> _Task prompt_: The lines wanted run from the first one below through the one with "#100=IFCINDEXEDPOLYGONALFACE((7,8,12,11));". Return them exactly.

> _Exercise data_:

========

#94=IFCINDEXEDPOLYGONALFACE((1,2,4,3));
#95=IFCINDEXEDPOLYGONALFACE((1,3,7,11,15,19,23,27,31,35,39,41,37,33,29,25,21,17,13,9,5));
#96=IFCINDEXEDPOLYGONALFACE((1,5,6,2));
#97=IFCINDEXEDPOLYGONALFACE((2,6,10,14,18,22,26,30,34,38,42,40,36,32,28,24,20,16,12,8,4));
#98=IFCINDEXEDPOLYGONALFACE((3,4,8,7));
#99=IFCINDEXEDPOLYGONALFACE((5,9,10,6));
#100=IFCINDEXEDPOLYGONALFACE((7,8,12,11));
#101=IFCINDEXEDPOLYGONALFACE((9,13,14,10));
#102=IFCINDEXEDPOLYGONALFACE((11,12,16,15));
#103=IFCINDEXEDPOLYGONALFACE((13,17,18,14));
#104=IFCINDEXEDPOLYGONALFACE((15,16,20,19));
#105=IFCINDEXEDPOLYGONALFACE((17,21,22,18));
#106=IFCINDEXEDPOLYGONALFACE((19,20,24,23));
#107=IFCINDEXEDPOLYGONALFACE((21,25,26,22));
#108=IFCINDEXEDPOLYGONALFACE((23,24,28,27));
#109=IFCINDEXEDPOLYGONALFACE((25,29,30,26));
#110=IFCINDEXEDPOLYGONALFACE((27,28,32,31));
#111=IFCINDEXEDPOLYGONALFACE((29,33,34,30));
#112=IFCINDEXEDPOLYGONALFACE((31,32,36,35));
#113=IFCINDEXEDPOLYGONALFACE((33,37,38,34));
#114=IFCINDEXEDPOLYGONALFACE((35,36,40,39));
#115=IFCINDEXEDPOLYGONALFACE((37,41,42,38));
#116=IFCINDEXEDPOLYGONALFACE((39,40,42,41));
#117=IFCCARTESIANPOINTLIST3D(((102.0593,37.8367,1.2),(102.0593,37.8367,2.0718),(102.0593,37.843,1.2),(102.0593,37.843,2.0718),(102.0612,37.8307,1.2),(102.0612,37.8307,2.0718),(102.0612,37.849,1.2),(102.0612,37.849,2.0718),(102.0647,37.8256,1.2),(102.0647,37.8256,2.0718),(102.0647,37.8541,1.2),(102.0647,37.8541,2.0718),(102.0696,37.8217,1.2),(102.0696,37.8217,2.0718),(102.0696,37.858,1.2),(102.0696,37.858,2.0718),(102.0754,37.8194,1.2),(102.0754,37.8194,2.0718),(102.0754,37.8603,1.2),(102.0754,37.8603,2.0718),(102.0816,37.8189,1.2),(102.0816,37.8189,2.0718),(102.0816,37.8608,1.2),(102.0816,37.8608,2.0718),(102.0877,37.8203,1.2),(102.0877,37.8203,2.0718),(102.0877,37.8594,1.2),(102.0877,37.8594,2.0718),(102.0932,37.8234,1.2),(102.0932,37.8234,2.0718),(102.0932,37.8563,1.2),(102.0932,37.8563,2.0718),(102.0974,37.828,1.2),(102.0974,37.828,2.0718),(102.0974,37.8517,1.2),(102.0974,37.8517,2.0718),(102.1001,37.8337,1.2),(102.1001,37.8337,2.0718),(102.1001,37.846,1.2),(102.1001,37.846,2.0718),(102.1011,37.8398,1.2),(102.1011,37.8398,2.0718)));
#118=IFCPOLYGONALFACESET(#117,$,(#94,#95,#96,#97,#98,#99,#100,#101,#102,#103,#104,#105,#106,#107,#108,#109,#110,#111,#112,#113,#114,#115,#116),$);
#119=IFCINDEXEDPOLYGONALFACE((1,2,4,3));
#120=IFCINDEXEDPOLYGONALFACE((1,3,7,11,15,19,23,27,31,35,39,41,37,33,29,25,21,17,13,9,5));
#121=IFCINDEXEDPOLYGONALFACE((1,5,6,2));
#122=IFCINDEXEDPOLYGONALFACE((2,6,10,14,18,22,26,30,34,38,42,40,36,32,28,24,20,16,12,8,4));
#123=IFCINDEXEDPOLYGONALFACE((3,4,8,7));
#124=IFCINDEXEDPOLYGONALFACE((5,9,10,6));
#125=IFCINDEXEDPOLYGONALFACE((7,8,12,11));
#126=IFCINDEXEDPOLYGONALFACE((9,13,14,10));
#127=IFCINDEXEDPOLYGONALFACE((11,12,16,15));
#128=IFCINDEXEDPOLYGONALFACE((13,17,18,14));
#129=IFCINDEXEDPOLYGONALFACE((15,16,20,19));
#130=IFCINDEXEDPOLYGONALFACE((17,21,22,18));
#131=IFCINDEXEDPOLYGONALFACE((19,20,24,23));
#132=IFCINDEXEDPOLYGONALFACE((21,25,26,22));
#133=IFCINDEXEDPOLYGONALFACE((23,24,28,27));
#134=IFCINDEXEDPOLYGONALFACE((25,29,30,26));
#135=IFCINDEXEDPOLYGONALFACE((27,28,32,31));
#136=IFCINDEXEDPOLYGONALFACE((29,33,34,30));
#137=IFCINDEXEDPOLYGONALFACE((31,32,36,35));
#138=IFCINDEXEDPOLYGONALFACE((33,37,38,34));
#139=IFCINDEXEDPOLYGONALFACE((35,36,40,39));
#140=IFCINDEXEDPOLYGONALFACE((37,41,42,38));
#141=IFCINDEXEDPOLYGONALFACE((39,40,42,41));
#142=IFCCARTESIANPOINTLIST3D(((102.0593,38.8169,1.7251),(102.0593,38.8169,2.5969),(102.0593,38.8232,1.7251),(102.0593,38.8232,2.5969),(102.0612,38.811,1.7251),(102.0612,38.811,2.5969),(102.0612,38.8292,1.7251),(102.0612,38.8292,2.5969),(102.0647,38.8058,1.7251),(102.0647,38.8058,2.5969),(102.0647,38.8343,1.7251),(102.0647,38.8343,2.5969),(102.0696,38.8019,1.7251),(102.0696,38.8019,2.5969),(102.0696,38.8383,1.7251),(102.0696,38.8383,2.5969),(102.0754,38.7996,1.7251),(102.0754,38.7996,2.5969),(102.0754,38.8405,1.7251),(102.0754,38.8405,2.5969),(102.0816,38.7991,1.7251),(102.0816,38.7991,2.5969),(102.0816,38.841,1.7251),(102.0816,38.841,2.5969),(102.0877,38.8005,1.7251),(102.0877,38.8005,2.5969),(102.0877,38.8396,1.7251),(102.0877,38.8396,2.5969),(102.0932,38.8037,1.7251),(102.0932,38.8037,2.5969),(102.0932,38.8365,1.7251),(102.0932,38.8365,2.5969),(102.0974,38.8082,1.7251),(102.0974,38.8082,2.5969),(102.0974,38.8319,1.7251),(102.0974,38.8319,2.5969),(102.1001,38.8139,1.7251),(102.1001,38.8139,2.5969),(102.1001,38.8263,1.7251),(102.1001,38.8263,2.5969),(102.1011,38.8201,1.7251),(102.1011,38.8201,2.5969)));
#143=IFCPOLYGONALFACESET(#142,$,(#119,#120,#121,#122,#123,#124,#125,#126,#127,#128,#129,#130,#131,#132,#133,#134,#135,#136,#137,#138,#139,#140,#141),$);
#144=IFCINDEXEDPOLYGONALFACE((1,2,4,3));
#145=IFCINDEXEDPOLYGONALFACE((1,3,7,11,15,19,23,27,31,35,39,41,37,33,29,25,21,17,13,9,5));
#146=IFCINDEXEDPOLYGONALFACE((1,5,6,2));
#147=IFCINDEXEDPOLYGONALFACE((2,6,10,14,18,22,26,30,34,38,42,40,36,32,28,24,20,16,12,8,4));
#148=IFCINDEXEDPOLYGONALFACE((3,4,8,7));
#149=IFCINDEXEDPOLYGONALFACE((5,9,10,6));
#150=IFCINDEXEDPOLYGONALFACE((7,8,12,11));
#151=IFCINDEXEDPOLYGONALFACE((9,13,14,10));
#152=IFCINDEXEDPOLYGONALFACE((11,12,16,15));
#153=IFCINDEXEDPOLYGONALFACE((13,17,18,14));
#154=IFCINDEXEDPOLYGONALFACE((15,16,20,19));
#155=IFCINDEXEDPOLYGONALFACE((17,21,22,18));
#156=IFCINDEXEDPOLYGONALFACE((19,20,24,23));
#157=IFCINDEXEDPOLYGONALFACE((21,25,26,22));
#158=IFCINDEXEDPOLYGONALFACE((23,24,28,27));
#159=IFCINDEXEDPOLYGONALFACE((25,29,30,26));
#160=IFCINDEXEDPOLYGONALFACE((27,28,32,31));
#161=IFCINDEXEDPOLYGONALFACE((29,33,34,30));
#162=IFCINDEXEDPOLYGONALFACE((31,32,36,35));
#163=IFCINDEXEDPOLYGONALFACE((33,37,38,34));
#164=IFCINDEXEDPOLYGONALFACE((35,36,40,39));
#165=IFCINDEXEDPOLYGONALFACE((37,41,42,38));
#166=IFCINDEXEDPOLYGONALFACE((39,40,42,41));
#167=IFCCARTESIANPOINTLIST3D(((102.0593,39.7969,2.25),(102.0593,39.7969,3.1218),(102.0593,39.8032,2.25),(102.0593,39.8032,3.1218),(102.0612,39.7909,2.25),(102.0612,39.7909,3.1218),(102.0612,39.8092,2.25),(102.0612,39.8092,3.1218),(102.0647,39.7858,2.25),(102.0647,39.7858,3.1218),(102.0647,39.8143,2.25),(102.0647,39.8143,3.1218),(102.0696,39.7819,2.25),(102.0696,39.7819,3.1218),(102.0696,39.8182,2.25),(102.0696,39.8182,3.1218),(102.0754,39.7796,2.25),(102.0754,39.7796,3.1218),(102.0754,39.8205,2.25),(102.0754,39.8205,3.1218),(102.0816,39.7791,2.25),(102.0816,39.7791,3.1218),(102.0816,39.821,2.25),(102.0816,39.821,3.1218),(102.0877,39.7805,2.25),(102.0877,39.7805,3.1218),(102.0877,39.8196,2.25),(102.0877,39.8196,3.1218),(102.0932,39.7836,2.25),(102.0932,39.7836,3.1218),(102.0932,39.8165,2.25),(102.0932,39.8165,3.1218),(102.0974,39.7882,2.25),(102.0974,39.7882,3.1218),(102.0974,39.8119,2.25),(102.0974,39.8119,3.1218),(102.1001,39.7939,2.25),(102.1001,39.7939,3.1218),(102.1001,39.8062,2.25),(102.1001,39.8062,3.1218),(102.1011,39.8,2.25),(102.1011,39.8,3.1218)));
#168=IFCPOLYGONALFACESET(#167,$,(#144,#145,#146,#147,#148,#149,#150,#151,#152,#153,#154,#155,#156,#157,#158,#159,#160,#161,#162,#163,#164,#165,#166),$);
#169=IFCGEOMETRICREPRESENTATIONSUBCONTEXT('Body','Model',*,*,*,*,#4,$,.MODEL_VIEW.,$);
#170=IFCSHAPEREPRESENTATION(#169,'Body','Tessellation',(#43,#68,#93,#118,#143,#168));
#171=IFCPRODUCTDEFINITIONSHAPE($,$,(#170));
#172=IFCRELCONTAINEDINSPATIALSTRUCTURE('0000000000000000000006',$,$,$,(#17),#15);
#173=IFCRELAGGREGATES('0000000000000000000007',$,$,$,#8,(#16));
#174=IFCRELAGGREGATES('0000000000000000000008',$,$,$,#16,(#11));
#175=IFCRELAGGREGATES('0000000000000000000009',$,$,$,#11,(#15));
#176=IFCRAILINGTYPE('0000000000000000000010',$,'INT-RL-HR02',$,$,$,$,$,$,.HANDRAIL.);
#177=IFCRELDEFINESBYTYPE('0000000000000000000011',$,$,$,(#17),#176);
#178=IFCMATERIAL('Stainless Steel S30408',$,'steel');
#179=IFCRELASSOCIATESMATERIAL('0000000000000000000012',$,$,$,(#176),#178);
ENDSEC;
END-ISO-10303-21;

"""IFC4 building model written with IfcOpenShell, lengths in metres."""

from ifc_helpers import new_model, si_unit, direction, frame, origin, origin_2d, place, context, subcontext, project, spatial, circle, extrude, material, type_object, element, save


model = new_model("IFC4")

========

> _Reply_:
#94=IFCINDEXEDPOLYGONALFACE((1,2,4,3));
#95=IFCINDEXEDPOLYGONALFACE((1,3,7,11,15,19,23,27,31,35,39,41,37,33,29,25,21,17,13,9,5));
#96=IFCINDEXEDPOLYGONALFACE((1,5,6,2));
#97=IFCINDEXEDPOLYGONALFACE((2,6,10,14,18,22,26,30,34,38,42,40,36,32,28,24,20,16,12,8,4));
#98=IFCINDEXEDPOLYGONALFACE((3,4,8,7));
#99=IFCINDEXEDPOLYGONALFACE((5,9,10,6));
#100=IFCINDEXEDPOLYGONALFACE((7,8,12,11));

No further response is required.